**Task item**
Each line of the data below from the one holding "#84=IFCINDEXEDPOLYGONALFACE((25,29,30,26));" to the one holding "#91=IFCINDEXEDPOLYGONALFACE((39,40,42,41));", inclusive, is to be reproduced exactly; no other line belongs in the answer.

**Input data**
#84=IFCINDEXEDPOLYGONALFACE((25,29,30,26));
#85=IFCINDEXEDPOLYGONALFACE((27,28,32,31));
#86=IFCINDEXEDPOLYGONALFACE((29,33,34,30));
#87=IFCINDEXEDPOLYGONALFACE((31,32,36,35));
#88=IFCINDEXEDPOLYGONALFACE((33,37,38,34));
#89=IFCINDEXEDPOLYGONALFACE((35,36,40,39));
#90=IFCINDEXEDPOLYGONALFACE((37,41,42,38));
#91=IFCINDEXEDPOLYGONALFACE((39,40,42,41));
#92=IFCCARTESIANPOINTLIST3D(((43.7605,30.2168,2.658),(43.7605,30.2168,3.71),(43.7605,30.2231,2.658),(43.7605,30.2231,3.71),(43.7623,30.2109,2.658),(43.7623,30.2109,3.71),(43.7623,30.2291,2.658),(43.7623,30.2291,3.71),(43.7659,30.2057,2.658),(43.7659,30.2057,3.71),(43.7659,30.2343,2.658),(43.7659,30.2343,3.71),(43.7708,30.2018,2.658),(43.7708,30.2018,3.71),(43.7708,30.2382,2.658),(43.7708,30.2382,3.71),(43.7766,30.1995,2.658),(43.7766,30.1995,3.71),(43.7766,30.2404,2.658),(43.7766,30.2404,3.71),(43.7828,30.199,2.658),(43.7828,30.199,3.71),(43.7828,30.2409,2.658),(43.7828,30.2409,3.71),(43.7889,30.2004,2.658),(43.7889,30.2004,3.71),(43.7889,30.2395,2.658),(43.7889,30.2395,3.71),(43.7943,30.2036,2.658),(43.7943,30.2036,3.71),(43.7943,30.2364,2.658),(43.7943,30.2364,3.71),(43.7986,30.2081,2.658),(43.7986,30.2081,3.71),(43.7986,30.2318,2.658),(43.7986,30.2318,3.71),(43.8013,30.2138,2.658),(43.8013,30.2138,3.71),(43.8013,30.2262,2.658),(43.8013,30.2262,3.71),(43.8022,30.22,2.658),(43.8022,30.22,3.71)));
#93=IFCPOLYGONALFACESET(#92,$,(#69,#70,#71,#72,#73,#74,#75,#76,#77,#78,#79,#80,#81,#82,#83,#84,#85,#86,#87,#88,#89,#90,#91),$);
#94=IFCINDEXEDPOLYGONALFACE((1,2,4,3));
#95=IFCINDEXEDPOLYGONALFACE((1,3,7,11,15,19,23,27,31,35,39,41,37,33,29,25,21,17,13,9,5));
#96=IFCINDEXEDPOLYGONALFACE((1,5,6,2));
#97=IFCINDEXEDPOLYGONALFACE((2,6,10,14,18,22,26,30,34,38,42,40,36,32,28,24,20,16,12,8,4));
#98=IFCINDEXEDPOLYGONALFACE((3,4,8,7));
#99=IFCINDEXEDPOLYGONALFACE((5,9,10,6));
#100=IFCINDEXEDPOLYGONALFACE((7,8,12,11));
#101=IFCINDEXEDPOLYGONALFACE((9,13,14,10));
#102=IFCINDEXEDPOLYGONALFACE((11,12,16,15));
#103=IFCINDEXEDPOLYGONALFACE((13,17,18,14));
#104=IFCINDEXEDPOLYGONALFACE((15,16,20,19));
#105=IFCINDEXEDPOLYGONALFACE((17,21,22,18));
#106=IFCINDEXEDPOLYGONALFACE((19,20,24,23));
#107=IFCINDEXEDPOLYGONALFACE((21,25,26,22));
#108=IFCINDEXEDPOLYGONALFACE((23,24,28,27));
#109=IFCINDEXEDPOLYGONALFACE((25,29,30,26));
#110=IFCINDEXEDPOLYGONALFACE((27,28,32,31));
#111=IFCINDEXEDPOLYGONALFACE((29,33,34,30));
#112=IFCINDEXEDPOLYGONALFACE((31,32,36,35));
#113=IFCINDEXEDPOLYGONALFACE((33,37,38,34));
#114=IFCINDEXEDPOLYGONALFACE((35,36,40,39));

---

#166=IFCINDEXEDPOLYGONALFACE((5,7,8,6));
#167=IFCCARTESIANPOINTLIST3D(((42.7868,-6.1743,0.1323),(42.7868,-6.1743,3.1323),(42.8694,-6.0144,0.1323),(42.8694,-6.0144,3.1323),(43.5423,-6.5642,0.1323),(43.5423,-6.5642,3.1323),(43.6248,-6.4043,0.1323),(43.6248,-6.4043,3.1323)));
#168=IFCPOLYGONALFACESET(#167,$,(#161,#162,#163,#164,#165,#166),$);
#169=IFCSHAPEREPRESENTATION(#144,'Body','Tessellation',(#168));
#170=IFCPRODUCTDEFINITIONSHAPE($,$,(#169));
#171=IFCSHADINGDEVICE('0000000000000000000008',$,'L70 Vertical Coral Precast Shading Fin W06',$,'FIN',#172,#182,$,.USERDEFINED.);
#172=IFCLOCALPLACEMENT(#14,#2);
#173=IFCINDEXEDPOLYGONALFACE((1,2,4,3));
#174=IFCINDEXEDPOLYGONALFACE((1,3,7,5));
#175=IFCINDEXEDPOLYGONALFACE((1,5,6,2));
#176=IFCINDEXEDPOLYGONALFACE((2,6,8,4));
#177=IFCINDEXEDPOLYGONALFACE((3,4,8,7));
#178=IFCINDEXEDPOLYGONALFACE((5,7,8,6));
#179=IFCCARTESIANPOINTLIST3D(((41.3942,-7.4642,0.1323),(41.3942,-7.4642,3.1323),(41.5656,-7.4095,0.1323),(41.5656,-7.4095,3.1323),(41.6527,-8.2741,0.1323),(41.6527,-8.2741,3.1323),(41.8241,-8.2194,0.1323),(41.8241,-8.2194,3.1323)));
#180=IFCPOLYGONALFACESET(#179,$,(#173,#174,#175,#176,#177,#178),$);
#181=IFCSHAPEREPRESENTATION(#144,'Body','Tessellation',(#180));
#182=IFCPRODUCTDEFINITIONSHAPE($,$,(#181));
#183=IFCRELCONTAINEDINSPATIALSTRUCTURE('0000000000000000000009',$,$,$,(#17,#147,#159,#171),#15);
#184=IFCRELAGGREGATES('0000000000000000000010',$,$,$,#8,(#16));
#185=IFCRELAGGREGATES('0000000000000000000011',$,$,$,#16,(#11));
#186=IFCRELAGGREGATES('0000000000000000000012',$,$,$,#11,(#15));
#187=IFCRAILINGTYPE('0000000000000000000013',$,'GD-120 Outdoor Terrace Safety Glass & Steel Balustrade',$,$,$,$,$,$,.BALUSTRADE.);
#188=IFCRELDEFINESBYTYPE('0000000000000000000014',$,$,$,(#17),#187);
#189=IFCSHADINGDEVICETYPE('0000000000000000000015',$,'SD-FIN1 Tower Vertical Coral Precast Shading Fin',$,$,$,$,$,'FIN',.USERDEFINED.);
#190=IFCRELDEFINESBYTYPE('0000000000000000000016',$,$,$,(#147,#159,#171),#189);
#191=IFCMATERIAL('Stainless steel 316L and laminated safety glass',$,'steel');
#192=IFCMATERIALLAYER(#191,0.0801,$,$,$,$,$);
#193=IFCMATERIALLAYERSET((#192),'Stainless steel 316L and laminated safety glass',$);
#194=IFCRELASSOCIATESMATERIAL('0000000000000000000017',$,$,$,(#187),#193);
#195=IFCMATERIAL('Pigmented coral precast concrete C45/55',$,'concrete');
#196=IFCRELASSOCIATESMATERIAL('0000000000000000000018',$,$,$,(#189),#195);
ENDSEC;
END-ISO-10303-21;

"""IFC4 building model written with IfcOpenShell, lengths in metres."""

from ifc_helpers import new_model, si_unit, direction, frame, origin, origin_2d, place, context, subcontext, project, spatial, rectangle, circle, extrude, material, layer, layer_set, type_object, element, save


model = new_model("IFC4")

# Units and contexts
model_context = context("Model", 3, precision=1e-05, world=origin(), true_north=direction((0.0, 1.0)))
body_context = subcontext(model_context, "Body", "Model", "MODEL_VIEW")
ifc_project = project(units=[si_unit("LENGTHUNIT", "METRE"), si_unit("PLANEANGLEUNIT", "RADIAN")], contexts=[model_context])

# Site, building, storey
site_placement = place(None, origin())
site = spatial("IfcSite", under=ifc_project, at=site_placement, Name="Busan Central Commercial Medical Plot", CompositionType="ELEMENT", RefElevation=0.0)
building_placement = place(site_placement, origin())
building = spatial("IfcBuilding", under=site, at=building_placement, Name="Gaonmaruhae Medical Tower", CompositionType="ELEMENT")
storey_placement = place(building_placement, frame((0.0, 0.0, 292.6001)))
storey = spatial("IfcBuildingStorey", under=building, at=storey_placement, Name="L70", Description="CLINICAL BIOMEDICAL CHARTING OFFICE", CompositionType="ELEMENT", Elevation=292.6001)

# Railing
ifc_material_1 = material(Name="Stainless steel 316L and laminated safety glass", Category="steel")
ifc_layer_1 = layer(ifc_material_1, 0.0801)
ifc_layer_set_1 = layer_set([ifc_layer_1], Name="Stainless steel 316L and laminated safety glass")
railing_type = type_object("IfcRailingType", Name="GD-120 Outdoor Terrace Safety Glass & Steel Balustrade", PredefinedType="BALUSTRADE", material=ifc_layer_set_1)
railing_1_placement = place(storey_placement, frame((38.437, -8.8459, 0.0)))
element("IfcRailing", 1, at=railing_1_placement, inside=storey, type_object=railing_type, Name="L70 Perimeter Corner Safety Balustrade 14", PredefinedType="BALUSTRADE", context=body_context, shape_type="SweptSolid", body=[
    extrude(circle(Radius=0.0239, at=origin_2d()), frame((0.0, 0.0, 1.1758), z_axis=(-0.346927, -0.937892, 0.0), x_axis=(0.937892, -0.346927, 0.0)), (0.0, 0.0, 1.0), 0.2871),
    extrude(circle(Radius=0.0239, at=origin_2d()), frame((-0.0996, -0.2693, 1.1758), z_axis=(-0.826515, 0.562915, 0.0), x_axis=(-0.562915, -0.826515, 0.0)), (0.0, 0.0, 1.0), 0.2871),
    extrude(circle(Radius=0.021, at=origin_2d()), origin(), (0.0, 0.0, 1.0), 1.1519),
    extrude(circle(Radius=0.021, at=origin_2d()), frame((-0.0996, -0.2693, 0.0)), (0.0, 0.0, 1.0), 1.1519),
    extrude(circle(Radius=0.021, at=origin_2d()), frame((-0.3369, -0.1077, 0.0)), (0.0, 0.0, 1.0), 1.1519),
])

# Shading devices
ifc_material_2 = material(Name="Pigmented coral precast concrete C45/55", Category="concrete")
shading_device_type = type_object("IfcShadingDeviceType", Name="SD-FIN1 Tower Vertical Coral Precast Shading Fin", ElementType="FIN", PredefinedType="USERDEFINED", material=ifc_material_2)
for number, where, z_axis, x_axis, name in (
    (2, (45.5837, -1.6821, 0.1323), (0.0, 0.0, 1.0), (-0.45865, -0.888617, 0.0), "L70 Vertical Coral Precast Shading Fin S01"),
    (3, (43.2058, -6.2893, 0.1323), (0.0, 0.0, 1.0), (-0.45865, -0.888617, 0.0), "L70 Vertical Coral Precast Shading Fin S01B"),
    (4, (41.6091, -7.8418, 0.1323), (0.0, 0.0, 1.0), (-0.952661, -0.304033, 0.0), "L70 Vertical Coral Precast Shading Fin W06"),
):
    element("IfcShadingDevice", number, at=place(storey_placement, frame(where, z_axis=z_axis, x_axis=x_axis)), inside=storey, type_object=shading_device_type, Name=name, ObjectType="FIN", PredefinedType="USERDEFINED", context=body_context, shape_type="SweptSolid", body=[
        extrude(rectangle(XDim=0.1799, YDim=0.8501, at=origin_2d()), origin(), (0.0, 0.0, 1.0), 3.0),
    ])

**Answer to the problem**
#84=IFCINDEXEDPOLYGONALFACE((25,29,30,26));
#85=IFCINDEXEDPOLYGONALFACE((27,28,32,31));
#86=IFCINDEXEDPOLYGONALFACE((29,33,34,30));
#87=IFCINDEXEDPOLYGONALFACE((31,32,36,35));
#88=IFCINDEXEDPOLYGONALFACE((33,37,38,34));
#89=IFCINDEXEDPOLYGONALFACE((35,36,40,39));
#90=IFCINDEXEDPOLYGONALFACE((37,41,42,38));
#91=IFCINDEXEDPOLYGONALFACE((39,40,42,41));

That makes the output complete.